# ACTION ITEM
Working from the records below, repeat exactly the lines starting at the line that contains "#197=IFCPRODUCTDEFINITIONSHAPE($,$,(#196));" and ending at the line that contains "building model written", inclusive.

# DATA LISTING
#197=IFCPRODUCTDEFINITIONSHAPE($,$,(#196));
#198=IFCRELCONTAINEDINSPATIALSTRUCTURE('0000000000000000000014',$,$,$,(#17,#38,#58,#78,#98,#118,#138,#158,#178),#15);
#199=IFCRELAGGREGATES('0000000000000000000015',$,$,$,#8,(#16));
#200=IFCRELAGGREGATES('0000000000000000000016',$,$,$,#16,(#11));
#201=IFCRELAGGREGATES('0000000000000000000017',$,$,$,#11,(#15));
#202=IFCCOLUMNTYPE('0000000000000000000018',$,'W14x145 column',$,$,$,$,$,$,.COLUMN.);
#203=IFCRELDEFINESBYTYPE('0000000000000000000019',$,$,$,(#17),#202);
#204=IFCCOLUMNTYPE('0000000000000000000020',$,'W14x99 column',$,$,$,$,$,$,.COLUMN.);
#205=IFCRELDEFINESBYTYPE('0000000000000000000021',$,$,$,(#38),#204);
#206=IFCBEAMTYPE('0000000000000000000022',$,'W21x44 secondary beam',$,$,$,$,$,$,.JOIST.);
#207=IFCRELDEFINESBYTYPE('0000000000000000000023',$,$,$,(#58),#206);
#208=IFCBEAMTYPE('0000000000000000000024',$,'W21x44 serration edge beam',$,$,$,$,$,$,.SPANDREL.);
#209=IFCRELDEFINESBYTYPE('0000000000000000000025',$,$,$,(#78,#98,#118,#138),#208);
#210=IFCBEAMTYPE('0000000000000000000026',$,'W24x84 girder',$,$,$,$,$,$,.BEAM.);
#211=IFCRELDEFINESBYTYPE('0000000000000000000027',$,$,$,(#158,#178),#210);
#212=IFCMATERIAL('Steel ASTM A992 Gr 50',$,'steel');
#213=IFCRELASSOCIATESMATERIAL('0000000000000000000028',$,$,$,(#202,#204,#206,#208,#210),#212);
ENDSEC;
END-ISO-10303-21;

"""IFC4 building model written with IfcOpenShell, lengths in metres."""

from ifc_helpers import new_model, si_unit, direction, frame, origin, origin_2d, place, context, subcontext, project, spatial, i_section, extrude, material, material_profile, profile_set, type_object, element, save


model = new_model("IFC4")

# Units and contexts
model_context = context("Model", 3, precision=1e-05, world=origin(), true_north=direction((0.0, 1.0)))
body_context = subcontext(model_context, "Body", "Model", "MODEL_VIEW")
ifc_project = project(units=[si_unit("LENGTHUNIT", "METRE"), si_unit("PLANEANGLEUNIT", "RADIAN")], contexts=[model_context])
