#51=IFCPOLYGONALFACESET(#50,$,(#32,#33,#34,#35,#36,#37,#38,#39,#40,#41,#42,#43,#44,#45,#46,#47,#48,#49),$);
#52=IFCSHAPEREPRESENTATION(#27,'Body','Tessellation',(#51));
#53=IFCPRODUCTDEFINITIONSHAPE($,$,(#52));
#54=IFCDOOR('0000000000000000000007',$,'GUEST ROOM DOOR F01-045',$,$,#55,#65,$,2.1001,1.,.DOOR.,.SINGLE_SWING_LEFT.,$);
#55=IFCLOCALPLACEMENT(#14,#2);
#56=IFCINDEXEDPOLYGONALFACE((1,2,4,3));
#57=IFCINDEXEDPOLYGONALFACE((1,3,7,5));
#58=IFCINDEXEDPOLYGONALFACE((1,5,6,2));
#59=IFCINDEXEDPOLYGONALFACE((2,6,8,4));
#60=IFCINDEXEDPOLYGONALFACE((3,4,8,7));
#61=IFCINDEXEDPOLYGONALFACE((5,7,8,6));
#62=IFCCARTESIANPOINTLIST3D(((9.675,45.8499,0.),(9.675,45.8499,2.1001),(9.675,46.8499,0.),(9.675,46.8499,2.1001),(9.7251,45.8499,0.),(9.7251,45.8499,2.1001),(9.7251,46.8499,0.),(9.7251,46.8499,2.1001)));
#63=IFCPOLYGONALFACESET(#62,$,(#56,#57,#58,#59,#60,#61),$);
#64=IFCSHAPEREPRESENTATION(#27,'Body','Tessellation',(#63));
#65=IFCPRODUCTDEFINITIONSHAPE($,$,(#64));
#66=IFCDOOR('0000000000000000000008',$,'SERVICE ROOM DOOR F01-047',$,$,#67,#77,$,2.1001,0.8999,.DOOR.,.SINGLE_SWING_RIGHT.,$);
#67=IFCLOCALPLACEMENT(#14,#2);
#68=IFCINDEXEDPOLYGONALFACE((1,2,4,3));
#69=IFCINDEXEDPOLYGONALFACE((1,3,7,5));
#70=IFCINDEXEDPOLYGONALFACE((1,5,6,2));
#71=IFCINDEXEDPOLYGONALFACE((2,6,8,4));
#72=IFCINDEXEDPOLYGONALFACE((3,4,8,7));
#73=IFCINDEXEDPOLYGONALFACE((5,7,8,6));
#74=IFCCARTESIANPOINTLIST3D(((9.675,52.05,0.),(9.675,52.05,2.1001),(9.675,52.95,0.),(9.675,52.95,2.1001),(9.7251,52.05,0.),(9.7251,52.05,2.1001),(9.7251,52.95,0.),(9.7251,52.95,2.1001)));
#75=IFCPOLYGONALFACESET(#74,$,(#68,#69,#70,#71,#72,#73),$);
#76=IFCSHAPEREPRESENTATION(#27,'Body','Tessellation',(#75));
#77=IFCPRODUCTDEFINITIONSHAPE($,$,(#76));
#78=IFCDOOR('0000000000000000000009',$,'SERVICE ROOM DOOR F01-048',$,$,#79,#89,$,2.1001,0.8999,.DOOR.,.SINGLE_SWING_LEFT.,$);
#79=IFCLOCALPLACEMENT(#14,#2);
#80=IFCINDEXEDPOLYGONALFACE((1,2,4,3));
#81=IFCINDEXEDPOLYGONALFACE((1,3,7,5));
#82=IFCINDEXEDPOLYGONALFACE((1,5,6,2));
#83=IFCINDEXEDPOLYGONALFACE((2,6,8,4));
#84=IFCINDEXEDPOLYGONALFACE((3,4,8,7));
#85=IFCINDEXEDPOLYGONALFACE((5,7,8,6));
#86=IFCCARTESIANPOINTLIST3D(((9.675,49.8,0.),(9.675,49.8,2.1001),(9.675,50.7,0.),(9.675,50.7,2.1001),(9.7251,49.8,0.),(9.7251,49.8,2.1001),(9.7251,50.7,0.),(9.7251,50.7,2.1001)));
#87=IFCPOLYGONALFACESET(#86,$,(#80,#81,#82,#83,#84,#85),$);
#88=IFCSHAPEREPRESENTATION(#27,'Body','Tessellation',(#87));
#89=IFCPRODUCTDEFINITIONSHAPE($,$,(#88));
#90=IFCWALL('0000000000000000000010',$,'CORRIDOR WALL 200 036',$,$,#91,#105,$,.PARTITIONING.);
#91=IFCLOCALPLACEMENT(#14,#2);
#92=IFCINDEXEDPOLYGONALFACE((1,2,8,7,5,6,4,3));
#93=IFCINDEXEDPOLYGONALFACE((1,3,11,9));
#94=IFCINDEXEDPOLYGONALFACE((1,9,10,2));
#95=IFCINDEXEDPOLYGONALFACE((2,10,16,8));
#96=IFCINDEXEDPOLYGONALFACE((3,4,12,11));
...
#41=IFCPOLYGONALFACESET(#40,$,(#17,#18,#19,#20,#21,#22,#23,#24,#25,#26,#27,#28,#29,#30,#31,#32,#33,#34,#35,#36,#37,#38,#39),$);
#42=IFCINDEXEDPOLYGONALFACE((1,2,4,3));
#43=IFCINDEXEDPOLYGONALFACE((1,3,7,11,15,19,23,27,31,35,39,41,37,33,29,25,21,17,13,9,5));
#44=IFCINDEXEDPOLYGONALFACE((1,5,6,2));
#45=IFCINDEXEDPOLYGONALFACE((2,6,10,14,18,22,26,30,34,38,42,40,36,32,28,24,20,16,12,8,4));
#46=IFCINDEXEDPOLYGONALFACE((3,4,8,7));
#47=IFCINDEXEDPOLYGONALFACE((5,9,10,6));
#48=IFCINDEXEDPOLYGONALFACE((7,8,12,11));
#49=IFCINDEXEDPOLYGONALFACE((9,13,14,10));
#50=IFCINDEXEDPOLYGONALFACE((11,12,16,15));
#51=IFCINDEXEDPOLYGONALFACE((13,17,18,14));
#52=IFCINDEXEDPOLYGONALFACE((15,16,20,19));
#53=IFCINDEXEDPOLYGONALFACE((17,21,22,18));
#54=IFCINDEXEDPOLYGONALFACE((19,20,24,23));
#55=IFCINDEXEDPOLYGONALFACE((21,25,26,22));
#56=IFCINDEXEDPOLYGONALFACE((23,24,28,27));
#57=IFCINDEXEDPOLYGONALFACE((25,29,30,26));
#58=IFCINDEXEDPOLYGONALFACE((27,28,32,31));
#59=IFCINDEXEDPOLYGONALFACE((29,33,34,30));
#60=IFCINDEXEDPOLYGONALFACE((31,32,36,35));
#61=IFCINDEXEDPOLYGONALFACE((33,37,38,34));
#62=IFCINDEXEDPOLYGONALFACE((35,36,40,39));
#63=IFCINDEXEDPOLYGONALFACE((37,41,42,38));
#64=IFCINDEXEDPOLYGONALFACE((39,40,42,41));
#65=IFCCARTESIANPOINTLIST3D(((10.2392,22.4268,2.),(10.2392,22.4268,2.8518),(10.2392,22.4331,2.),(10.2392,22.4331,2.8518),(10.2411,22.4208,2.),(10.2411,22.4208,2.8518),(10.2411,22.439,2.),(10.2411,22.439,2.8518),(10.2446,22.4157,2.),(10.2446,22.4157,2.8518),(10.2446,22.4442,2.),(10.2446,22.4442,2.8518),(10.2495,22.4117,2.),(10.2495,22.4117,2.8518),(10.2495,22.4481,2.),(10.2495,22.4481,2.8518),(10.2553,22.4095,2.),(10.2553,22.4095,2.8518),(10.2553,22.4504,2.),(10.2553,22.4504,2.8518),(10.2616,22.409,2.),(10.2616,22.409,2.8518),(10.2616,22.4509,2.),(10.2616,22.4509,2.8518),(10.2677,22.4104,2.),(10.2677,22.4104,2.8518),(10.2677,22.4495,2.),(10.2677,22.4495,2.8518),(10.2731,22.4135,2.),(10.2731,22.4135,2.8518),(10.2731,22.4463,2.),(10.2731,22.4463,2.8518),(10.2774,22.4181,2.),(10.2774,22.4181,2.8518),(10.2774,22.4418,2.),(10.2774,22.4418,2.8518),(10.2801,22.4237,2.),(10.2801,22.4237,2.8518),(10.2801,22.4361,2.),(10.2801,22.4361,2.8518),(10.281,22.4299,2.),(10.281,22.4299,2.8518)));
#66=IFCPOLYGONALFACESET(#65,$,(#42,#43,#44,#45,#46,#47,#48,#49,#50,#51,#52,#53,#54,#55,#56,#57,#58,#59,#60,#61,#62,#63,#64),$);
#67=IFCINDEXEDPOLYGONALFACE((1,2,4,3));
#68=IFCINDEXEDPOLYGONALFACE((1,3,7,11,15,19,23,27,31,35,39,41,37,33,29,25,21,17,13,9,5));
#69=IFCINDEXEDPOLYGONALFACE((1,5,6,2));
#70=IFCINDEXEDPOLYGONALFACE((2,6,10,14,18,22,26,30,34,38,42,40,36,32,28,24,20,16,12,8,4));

# RESULT
#197=IFCPRODUCTDEFINITIONSHAPE($,$,(#196));
#198=IFCRELCONTAINEDINSPATIALSTRUCTURE('0000000000000000000014',$,$,$,(#17,#38,#58,#78,#98,#118,#138,#158,#178),#15);
#199=IFCRELAGGREGATES('0000000000000000000015',$,$,$,#8,(#16));
#200=IFCRELAGGREGATES('0000000000000000000016',$,$,$,#16,(#11));
#201=IFCRELAGGREGATES('0000000000000000000017',$,$,$,#11,(#15));
#202=IFCCOLUMNTYPE('0000000000000000000018',$,'W14x145 column',$,$,$,$,$,$,.COLUMN.);
#203=IFCRELDEFINESBYTYPE('0000000000000000000019',$,$,$,(#17),#202);
#204=IFCCOLUMNTYPE('0000000000000000000020',$,'W14x99 column',$,$,$,$,$,$,.COLUMN.);
#205=IFCRELDEFINESBYTYPE('0000000000000000000021',$,$,$,(#38),#204);
#206=IFCBEAMTYPE('0000000000000000000022',$,'W21x44 secondary beam',$,$,$,$,$,$,.JOIST.);
#207=IFCRELDEFINESBYTYPE('0000000000000000000023',$,$,$,(#58),#206);
#208=IFCBEAMTYPE('0000000000000000000024',$,'W21x44 serration edge beam',$,$,$,$,$,$,.SPANDREL.);
#209=IFCRELDEFINESBYTYPE('0000000000000000000025',$,$,$,(#78,#98,#118,#138),#208);
#210=IFCBEAMTYPE('0000000000000000000026',$,'W24x84 girder',$,$,$,$,$,$,.BEAM.);
#211=IFCRELDEFINESBYTYPE('0000000000000000000027',$,$,$,(#158,#178),#210);
#212=IFCMATERIAL('Steel ASTM A992 Gr 50',$,'steel');
#213=IFCRELASSOCIATESMATERIAL('0000000000000000000028',$,$,$,(#202,#204,#206,#208,#210),#212);
ENDSEC;
END-ISO-10303-21;

"""IFC4 building model written with IfcOpenShell, lengths in metres."""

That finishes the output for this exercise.